* **Task goal**: Every line with the word "risers" in it should be extracted from the data that follows.
═════ Records for this task
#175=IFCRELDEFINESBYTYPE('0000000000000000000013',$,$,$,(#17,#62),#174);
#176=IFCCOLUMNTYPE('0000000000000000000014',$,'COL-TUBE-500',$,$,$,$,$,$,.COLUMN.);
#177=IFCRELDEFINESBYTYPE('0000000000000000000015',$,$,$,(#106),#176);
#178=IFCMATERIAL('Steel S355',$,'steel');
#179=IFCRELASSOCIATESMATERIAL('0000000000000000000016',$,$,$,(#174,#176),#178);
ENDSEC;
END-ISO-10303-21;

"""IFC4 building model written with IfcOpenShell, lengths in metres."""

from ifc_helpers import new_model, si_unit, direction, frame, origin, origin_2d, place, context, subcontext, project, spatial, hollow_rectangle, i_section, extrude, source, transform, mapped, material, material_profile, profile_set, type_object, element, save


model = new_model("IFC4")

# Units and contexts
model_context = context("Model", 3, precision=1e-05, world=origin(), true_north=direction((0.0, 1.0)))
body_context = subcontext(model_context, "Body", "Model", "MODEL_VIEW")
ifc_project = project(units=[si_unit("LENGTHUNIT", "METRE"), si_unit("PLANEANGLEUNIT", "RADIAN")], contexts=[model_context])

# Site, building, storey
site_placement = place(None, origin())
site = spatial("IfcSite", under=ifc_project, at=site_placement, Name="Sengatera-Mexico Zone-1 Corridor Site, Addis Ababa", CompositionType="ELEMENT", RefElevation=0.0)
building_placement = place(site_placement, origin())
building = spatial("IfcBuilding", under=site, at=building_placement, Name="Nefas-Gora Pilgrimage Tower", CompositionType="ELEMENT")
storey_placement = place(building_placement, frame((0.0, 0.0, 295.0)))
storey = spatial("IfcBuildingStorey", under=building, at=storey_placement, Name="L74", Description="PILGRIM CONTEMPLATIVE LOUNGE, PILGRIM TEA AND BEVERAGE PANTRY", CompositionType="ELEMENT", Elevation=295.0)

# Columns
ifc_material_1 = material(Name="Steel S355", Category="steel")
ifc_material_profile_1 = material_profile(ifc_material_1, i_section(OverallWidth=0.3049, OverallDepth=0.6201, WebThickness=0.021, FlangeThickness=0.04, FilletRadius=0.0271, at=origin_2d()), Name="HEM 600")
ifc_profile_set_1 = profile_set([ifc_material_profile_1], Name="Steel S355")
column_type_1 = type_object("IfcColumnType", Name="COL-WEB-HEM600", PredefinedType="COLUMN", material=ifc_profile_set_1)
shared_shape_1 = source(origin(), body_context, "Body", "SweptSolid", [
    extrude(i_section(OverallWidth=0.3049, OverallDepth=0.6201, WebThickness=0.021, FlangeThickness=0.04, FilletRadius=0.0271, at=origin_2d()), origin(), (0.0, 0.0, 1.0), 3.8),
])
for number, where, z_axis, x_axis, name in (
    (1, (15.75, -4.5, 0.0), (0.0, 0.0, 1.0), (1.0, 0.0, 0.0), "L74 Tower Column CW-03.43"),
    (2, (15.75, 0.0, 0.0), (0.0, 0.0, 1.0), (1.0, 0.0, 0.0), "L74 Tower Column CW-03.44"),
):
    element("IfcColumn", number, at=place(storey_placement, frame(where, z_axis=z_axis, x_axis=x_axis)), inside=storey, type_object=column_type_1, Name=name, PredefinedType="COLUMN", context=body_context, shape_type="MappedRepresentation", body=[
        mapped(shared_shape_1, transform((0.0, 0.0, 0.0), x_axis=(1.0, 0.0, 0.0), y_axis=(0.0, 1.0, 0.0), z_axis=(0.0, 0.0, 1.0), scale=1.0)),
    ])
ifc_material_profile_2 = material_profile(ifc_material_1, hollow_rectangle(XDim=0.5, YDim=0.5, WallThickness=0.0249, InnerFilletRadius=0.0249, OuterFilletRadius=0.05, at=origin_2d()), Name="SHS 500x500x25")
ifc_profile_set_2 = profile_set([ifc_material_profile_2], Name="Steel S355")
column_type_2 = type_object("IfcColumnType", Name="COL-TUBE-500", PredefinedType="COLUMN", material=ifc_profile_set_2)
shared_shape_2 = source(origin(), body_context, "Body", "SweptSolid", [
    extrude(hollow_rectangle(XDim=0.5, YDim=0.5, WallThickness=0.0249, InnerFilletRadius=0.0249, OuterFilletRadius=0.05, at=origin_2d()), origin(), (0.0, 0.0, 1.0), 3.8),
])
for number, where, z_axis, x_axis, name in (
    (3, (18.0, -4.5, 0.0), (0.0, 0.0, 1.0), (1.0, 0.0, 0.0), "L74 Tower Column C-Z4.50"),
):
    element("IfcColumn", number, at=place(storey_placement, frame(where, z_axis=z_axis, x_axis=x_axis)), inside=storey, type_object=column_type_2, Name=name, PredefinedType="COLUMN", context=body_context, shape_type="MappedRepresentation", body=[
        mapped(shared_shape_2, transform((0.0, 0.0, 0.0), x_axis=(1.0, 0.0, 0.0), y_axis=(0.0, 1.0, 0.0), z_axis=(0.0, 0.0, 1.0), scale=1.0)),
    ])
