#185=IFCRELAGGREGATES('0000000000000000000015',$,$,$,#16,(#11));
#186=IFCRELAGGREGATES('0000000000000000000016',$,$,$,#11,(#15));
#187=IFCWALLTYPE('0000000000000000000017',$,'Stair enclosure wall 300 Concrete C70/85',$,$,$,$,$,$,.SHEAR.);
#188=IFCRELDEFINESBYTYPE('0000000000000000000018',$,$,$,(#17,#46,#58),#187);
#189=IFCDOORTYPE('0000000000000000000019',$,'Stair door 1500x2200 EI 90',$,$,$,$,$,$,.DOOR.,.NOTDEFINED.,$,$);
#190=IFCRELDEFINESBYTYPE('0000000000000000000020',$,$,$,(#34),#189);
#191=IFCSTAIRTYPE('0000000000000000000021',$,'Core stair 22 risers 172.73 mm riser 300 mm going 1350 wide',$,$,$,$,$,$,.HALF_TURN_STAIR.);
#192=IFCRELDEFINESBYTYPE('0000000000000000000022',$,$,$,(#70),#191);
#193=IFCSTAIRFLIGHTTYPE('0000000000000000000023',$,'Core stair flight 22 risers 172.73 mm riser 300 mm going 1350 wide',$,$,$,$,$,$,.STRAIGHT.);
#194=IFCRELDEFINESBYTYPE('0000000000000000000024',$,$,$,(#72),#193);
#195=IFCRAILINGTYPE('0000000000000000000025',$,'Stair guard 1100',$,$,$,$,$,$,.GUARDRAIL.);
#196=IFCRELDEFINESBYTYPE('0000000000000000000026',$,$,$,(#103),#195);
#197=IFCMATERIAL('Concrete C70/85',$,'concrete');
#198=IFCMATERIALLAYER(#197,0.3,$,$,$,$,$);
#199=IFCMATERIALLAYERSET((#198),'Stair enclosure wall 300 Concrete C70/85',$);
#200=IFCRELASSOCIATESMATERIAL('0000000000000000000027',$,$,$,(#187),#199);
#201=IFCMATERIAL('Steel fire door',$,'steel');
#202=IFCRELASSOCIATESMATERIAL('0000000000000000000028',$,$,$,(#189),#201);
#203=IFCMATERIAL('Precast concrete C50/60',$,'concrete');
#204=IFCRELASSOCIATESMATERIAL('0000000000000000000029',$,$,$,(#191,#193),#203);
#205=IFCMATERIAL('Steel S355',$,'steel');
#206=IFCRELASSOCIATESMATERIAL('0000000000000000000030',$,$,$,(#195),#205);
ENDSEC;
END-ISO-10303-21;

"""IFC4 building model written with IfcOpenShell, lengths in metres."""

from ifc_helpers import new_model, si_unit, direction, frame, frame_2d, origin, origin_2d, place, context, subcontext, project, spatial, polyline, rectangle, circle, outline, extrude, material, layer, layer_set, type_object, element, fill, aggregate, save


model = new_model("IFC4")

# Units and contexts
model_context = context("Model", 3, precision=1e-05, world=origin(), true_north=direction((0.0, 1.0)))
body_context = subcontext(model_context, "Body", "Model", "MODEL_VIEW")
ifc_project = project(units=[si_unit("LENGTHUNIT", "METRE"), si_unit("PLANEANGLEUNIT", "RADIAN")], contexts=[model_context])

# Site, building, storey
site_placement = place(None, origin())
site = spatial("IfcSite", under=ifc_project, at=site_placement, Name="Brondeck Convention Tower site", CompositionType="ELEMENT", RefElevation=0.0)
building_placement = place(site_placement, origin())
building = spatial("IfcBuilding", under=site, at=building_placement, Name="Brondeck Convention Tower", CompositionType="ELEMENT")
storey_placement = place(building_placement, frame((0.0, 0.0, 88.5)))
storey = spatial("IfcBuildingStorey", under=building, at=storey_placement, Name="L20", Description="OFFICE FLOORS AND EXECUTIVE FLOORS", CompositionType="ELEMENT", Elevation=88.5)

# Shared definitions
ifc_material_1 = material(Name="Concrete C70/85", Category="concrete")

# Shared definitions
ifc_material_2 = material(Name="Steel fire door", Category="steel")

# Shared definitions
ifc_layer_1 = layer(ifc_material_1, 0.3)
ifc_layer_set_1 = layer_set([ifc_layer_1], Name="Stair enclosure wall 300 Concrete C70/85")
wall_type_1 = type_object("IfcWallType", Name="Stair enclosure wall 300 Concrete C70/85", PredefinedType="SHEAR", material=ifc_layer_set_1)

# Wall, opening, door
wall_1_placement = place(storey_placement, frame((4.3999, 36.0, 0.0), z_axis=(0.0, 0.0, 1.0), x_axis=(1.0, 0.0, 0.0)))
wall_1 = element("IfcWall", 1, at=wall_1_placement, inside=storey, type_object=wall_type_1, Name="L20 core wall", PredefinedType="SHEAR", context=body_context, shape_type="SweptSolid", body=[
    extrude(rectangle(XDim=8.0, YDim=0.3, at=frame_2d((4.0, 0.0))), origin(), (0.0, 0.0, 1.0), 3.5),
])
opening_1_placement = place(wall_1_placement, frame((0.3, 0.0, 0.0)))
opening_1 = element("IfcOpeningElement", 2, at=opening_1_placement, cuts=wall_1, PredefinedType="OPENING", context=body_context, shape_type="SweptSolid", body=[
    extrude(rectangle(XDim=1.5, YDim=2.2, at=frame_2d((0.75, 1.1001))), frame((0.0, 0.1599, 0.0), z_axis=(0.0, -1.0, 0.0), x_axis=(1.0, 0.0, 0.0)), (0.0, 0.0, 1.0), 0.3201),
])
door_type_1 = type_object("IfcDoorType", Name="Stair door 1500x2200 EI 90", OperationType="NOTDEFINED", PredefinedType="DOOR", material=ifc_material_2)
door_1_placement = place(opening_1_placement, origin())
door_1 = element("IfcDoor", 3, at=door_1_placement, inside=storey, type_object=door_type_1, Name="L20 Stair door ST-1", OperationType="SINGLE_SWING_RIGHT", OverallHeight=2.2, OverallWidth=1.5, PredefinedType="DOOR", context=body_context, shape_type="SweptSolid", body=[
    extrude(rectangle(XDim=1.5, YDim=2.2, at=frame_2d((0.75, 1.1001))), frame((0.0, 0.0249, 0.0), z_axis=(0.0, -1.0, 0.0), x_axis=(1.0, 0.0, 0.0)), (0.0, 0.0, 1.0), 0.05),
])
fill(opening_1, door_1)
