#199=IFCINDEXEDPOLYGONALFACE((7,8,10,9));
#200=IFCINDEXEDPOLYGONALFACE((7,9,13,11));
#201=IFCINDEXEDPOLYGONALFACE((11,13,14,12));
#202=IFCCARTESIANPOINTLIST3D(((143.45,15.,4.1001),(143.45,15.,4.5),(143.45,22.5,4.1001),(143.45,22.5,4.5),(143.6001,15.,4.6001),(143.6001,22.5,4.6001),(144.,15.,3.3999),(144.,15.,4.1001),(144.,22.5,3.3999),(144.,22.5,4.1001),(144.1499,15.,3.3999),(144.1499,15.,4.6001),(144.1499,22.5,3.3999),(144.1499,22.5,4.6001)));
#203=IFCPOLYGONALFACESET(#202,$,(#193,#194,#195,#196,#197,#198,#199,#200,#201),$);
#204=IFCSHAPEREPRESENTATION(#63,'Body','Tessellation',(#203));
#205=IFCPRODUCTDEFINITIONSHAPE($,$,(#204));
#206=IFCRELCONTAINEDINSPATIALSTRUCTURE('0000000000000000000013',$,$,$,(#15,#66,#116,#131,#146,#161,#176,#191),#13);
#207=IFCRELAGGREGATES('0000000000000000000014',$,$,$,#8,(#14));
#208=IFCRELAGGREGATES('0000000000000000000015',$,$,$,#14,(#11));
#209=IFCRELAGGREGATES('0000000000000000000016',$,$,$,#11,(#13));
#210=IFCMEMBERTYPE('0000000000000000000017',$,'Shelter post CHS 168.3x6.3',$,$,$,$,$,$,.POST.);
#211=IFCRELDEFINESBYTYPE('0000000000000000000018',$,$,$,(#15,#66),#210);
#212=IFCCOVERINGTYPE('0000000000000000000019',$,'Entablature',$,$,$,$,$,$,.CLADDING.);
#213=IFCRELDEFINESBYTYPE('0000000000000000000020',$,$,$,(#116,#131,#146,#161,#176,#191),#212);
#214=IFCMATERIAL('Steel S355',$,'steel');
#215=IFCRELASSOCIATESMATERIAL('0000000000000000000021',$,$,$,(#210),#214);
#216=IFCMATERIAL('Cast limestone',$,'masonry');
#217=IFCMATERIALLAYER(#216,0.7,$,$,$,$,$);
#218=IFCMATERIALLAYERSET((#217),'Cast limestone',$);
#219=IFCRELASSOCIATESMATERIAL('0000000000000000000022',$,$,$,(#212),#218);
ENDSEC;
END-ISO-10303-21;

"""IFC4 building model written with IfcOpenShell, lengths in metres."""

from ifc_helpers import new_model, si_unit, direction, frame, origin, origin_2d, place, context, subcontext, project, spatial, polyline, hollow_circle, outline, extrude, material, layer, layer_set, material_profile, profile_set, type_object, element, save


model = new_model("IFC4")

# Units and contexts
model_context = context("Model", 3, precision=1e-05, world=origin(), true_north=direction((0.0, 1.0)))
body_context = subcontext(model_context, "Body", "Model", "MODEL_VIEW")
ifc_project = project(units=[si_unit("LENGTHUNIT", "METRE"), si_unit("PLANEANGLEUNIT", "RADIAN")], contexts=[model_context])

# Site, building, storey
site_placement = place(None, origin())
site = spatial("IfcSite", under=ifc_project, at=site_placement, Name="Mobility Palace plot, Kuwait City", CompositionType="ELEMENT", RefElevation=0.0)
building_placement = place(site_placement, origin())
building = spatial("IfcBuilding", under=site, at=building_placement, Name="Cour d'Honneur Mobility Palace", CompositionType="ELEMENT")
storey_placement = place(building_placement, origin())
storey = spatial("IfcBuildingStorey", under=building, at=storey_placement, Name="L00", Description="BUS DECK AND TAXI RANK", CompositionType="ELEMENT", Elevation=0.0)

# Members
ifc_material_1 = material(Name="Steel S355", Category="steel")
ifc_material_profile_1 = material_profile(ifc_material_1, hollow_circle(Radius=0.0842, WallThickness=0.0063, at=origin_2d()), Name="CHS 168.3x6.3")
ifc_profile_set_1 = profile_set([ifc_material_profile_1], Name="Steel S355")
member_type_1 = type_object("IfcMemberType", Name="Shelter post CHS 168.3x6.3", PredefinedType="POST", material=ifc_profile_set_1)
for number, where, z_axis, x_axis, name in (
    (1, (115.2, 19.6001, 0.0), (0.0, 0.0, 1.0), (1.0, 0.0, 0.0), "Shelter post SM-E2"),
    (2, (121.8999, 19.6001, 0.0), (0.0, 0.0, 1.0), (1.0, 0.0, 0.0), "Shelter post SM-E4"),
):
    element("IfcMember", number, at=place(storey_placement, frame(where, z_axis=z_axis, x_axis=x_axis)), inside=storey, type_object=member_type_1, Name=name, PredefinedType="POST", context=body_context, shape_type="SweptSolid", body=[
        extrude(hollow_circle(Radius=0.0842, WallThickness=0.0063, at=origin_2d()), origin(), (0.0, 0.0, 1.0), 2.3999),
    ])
══════════
* **Task solution**:
#191=IFCSTAIRTYPE('0000000000000000000021',$,'Core stair 22 risers 172.73 mm riser 300 mm going 1350 wide',$,$,$,$,$,$,.HALF_TURN_STAIR.);
#193=IFCSTAIRFLIGHTTYPE('0000000000000000000023',$,'Core stair flight 22 risers 172.73 mm riser 300 mm going 1350 wide',$,$,$,$,$,$,.STRAIGHT.);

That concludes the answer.